Task objective
The lines to copy are those in the listing that hold the word "IFCINDEXEDPOLYGONALFACEWITHVOIDS".

Data shown
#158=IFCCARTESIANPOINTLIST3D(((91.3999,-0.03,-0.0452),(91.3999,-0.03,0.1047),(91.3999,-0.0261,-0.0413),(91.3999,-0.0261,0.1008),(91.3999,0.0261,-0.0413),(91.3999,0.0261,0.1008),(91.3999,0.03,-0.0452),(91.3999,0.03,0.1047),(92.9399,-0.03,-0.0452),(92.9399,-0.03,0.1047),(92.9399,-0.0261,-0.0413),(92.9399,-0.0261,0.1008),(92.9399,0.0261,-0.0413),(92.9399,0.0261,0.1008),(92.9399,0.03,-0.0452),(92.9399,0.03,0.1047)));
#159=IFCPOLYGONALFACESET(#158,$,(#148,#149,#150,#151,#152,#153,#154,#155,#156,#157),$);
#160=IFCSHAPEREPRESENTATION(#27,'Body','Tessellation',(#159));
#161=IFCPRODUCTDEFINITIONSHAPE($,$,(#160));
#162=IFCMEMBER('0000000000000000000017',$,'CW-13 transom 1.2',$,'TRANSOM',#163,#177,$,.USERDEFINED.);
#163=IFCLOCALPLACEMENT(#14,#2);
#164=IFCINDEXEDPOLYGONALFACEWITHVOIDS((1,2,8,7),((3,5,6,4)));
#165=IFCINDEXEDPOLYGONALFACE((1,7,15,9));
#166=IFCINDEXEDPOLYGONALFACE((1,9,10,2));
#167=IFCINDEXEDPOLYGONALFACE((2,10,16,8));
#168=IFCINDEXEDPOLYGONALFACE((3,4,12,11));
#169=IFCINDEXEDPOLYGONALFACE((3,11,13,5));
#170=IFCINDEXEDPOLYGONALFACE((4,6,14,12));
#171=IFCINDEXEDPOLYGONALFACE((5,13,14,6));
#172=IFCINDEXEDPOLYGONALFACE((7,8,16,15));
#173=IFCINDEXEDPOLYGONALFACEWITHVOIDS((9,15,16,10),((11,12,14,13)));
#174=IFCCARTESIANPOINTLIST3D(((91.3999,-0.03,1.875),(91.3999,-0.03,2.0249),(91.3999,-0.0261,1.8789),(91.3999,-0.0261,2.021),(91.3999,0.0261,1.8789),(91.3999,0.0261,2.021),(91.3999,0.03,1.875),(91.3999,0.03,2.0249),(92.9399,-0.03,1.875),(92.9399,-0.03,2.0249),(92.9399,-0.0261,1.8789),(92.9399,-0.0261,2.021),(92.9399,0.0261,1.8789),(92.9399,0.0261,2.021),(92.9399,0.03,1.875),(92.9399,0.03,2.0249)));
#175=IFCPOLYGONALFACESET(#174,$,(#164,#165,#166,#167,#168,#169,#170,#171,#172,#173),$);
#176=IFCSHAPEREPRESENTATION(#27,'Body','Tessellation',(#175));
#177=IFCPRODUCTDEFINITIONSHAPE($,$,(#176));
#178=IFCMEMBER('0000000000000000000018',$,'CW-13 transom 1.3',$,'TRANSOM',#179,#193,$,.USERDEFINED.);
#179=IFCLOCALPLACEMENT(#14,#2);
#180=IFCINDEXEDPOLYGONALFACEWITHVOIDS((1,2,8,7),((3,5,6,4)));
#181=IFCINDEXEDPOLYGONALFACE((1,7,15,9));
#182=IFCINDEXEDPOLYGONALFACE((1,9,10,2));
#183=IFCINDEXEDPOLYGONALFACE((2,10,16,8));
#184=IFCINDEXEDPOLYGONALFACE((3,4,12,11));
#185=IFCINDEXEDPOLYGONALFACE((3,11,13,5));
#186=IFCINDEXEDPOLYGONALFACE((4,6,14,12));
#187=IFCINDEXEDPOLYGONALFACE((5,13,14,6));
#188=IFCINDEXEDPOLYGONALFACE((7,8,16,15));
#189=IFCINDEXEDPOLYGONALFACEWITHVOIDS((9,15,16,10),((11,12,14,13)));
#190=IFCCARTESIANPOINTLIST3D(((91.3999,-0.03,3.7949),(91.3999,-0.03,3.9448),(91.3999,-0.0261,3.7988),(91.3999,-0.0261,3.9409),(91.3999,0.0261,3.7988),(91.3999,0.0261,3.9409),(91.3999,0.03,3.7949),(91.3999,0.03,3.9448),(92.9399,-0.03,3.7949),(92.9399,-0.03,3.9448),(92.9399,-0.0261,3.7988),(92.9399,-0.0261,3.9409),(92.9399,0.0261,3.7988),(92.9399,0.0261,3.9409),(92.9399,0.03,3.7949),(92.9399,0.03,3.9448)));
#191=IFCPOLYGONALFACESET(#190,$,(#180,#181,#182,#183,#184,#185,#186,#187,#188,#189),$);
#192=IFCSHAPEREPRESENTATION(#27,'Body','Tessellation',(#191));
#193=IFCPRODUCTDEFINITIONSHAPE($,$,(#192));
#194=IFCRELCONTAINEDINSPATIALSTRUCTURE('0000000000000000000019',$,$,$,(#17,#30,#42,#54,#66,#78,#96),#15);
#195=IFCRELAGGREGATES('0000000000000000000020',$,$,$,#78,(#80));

--

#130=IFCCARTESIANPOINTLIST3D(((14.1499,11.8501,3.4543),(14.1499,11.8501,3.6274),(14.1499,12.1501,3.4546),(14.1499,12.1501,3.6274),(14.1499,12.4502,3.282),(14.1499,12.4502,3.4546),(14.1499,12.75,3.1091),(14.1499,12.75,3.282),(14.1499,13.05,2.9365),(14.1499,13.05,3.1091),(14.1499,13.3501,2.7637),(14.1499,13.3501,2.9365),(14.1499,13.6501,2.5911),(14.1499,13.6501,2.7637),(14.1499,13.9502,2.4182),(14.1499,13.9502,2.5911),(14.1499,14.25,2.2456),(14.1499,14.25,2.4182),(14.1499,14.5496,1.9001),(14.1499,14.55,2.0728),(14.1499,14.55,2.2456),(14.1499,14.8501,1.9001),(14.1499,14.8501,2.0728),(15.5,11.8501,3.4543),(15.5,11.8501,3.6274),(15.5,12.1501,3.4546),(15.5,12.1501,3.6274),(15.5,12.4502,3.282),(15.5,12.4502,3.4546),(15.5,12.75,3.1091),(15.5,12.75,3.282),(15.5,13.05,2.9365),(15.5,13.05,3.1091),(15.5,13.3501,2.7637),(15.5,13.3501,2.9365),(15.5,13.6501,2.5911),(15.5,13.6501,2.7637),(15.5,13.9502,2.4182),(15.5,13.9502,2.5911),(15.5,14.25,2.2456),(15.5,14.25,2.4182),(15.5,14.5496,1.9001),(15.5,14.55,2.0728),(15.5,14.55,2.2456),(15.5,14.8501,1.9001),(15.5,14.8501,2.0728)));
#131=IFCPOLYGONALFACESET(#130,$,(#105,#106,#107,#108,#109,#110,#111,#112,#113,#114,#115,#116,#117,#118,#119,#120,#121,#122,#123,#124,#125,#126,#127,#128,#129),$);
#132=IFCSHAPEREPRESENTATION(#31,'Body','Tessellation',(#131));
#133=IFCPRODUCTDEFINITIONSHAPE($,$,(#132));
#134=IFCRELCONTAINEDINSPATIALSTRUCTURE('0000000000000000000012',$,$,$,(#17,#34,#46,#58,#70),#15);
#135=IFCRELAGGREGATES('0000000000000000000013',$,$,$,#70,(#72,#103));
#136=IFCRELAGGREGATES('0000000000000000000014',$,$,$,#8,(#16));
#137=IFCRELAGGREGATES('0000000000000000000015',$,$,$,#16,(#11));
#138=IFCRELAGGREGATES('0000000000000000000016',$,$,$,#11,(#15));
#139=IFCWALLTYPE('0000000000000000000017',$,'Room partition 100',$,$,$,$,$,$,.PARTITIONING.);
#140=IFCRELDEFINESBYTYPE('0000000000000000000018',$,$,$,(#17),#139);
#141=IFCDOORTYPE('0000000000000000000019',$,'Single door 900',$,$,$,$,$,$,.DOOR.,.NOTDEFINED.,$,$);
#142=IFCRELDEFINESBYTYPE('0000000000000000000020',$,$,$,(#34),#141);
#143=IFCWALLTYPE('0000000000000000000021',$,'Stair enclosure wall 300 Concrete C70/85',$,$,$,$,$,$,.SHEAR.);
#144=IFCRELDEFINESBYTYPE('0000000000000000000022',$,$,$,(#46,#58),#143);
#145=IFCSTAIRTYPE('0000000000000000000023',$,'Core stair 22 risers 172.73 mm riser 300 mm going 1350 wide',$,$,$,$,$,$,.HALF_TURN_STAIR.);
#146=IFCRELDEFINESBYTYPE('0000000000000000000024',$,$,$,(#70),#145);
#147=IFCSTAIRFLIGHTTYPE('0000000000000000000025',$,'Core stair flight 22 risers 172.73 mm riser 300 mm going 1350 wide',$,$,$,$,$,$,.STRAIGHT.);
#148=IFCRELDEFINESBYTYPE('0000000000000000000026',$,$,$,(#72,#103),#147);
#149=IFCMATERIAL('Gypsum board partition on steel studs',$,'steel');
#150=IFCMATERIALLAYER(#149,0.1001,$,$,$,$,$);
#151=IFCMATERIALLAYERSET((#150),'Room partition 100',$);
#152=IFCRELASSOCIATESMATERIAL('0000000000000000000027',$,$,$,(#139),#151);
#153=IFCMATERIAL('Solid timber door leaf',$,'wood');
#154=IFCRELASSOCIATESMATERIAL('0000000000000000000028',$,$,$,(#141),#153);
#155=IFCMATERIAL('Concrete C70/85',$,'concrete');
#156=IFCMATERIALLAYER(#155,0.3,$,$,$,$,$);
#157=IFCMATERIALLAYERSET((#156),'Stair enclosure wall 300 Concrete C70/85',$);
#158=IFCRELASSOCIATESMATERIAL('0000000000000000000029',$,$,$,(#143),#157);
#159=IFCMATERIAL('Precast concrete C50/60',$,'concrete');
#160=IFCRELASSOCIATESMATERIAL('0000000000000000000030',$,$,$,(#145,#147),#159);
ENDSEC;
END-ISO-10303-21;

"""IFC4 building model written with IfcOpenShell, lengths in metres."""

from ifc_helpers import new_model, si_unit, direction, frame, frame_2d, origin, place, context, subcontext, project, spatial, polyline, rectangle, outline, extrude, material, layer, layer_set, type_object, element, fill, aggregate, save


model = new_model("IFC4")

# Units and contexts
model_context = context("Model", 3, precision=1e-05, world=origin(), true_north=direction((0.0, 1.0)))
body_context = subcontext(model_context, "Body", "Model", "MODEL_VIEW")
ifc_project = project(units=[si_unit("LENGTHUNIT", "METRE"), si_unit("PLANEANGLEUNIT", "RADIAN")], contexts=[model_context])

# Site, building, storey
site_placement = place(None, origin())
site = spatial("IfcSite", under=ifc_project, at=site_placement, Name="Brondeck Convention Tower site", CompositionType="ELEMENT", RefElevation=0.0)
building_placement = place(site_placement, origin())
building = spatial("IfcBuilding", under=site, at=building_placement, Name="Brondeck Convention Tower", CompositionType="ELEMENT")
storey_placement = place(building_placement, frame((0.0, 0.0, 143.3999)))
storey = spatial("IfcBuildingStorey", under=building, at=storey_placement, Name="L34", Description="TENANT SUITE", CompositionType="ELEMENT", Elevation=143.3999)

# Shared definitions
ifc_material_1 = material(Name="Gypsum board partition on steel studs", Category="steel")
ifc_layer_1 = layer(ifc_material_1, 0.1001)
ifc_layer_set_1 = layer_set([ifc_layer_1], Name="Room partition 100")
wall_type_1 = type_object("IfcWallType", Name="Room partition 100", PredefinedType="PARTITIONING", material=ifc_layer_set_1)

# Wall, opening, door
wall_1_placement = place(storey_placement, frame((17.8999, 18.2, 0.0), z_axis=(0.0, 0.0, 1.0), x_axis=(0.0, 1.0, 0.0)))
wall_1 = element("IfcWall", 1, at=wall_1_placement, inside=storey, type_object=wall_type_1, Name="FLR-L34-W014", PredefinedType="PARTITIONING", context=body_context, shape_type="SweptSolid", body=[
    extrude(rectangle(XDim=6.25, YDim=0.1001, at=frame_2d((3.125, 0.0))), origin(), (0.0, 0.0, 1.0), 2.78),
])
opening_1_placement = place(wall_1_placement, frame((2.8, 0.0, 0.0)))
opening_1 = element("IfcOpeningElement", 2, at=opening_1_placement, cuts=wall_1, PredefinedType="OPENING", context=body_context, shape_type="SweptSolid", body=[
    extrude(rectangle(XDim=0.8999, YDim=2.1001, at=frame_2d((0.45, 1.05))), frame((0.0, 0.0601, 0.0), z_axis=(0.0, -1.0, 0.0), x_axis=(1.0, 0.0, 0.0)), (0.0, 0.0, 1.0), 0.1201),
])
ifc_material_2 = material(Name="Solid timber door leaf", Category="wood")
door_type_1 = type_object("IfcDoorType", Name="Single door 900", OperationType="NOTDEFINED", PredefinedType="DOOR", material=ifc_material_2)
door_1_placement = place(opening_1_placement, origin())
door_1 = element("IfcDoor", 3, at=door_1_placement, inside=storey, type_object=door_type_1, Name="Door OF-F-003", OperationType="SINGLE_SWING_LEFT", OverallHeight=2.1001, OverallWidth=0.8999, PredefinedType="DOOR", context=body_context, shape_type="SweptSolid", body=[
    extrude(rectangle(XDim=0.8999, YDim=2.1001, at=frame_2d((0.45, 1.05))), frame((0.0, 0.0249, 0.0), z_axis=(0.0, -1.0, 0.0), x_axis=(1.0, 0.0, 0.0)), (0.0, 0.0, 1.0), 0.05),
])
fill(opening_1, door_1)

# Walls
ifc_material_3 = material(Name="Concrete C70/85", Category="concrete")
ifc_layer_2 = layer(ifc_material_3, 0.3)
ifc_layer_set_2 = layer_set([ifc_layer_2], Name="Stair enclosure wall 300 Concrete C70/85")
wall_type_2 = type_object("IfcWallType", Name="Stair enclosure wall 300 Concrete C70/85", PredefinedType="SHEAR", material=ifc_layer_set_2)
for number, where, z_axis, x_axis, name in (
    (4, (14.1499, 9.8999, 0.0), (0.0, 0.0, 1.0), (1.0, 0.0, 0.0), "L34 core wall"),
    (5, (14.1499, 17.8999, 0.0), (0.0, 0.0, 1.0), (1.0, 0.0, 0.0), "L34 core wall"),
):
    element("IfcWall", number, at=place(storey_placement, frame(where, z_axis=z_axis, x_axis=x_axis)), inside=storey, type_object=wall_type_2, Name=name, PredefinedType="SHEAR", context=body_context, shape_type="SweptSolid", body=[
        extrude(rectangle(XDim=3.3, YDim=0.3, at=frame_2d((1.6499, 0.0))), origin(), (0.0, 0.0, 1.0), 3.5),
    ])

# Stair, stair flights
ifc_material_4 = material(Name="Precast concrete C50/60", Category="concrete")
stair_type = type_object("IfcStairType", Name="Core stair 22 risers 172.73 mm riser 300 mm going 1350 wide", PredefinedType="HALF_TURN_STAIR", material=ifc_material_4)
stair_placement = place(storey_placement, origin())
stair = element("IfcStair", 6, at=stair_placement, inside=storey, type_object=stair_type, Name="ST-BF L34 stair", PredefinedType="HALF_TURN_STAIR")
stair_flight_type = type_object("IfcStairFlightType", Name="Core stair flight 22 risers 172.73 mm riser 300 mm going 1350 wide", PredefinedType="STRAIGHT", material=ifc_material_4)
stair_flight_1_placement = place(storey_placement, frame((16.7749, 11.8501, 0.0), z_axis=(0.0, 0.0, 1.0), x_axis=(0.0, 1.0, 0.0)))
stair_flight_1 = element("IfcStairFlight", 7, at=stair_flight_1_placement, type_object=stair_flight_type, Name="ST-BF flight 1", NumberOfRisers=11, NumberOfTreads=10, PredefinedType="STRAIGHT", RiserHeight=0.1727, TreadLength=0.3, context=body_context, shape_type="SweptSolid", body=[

---

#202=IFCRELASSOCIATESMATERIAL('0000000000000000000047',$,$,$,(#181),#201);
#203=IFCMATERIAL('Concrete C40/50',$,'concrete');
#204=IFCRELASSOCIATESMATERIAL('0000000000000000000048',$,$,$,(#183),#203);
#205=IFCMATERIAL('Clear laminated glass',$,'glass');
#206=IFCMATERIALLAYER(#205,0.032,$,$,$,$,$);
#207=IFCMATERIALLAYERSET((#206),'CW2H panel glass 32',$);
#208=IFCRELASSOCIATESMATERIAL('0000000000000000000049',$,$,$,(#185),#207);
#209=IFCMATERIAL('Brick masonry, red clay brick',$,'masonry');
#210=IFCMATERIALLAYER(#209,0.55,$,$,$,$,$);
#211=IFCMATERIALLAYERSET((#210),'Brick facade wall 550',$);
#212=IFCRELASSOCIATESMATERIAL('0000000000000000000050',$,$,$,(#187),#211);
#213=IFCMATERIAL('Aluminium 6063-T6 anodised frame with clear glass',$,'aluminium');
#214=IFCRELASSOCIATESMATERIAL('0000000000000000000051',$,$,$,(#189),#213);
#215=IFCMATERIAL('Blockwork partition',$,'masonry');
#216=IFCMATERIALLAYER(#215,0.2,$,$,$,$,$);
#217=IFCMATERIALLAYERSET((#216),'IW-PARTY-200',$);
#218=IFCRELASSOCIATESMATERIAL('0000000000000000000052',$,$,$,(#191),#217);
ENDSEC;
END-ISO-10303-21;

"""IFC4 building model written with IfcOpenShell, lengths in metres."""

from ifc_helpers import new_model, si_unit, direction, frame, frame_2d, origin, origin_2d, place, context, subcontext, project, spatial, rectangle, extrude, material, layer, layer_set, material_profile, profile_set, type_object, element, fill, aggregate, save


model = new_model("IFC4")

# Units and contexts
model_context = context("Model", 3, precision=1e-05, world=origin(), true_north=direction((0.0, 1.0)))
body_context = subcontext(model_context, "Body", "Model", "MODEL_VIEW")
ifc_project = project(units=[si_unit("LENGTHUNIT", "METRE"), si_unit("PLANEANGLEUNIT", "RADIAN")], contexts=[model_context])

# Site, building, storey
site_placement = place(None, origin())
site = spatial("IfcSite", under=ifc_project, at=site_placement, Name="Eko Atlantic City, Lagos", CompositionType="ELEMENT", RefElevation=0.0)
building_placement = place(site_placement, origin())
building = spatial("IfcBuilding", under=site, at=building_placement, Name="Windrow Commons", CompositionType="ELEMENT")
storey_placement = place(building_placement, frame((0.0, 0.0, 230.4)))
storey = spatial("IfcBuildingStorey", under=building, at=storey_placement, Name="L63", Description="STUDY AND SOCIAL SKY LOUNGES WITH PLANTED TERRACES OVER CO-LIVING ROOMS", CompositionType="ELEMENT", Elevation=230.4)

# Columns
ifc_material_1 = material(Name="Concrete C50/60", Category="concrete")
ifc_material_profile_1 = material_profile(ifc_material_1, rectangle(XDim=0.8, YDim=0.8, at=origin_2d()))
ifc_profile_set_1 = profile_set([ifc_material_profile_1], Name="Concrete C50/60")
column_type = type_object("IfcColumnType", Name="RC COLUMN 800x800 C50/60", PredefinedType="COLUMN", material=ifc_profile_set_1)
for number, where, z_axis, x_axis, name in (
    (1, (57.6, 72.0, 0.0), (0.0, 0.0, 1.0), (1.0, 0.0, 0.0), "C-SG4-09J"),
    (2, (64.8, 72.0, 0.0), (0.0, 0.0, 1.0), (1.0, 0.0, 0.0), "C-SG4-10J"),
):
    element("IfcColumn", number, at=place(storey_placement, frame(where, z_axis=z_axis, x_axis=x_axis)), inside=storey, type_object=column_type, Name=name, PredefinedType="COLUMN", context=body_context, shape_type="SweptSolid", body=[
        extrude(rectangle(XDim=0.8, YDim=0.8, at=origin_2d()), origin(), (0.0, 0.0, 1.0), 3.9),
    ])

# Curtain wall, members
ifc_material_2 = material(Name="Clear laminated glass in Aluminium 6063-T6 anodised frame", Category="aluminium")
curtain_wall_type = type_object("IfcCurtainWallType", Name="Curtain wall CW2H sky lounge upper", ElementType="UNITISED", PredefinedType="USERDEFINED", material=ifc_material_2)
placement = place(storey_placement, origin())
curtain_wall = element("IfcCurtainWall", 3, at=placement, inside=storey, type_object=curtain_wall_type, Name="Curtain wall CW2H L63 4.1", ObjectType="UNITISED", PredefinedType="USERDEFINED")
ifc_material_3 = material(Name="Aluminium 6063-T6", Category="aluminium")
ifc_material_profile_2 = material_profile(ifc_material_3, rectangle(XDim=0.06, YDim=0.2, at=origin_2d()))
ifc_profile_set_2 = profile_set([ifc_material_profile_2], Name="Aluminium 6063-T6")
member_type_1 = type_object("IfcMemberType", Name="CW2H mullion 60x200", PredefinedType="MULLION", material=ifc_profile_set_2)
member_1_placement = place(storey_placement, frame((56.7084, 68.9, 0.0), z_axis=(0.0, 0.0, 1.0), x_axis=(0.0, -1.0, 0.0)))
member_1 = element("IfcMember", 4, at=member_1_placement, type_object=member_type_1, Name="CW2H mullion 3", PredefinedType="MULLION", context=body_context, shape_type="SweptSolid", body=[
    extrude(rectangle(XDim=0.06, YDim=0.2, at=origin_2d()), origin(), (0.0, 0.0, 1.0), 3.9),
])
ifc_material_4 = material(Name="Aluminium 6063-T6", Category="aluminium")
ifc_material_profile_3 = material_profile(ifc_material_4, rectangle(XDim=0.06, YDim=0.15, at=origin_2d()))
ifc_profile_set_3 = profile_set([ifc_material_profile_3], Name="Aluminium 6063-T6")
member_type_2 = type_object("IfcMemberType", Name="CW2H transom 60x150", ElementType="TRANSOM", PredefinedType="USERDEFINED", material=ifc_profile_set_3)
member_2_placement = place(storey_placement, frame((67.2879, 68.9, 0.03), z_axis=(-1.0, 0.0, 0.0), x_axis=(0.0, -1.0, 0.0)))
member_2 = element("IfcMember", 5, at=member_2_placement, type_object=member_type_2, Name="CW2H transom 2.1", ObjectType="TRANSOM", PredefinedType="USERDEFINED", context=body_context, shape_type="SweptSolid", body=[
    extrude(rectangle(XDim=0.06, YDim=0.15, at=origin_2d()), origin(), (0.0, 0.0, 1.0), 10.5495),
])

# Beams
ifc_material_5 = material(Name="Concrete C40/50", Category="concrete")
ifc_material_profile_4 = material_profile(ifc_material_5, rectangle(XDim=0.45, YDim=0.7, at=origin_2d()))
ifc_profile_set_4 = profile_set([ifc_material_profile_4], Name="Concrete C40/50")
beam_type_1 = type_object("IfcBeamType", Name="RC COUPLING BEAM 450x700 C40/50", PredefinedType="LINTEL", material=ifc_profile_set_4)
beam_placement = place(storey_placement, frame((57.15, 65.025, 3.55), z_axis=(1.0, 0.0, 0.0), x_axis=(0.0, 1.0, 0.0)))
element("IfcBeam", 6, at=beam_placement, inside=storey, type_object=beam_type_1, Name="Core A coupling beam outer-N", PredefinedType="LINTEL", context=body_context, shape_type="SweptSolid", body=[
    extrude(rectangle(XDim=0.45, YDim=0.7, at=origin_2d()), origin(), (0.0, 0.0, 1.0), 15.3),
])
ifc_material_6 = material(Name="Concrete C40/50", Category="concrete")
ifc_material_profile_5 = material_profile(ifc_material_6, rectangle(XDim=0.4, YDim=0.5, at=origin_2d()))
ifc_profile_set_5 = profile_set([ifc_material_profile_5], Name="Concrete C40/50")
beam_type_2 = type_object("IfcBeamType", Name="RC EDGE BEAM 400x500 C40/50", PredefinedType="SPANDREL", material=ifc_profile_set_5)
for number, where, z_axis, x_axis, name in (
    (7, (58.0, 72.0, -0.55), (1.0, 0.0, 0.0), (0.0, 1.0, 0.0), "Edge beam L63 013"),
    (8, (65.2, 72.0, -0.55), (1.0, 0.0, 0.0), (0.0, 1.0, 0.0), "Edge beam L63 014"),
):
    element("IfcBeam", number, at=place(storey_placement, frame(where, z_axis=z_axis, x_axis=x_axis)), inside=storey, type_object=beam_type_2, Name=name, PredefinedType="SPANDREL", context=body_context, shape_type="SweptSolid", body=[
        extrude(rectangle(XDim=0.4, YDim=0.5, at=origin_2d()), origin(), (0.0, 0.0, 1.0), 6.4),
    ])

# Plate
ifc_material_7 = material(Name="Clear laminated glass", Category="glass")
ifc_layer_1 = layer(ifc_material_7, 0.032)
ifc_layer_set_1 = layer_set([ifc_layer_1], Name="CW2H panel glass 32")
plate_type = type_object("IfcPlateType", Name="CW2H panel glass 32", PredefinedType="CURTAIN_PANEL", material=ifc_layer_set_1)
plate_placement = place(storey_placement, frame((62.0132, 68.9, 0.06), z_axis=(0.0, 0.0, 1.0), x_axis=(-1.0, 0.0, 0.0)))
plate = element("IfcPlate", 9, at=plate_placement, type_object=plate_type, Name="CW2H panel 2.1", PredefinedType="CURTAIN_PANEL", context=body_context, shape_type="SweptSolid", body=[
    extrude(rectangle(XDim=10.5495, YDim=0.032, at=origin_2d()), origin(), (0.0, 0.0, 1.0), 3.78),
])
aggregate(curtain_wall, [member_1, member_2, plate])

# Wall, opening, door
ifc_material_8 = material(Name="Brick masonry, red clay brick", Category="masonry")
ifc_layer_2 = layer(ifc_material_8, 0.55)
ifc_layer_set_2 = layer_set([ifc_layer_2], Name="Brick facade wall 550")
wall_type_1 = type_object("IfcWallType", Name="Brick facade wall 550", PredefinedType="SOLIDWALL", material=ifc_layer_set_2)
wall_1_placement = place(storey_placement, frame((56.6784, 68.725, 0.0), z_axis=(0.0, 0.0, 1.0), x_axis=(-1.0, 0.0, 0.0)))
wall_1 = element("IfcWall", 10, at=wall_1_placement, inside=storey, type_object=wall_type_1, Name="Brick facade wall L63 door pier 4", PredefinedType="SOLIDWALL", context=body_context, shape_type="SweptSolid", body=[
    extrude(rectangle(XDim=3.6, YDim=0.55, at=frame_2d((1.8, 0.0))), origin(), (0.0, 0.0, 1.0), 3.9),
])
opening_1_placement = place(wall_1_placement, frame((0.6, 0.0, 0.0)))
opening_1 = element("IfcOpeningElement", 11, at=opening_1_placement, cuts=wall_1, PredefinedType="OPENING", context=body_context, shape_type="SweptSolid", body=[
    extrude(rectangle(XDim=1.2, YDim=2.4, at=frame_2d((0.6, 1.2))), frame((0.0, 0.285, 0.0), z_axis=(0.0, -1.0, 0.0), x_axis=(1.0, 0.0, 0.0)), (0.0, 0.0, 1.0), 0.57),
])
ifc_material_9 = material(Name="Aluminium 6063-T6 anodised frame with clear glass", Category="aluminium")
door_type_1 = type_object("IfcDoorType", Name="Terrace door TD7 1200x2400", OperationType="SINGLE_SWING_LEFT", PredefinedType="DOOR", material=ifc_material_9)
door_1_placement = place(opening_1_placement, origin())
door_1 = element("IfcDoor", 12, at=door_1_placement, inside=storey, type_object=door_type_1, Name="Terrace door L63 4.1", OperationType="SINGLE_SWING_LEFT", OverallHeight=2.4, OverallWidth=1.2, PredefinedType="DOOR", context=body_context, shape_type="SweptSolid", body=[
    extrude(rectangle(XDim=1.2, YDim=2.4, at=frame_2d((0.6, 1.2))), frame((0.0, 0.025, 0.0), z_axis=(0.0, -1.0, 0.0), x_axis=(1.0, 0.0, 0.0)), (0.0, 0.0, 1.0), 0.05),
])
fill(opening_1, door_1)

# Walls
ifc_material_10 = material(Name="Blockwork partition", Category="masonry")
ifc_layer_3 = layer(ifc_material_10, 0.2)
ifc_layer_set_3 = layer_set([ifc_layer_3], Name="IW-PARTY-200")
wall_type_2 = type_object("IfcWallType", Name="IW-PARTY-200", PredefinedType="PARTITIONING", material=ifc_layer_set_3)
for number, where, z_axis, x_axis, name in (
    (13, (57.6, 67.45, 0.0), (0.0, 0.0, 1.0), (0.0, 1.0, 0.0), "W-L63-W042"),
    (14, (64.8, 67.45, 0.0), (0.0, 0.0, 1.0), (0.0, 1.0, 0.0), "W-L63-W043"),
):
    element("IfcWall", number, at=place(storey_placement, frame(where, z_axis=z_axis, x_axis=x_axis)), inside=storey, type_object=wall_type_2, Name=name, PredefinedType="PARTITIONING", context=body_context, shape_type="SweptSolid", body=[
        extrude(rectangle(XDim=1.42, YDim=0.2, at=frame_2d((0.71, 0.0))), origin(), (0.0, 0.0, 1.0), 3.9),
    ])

Solution to this task
#164=IFCINDEXEDPOLYGONALFACEWITHVOIDS((1,2,8,7),((3,5,6,4)));
#173=IFCINDEXEDPOLYGONALFACEWITHVOIDS((9,15,16,10),((11,12,14,13)));
#180=IFCINDEXEDPOLYGONALFACEWITHVOIDS((1,2,8,7),((3,5,6,4)));
#189=IFCINDEXEDPOLYGONALFACEWITHVOIDS((9,15,16,10),((11,12,14,13)));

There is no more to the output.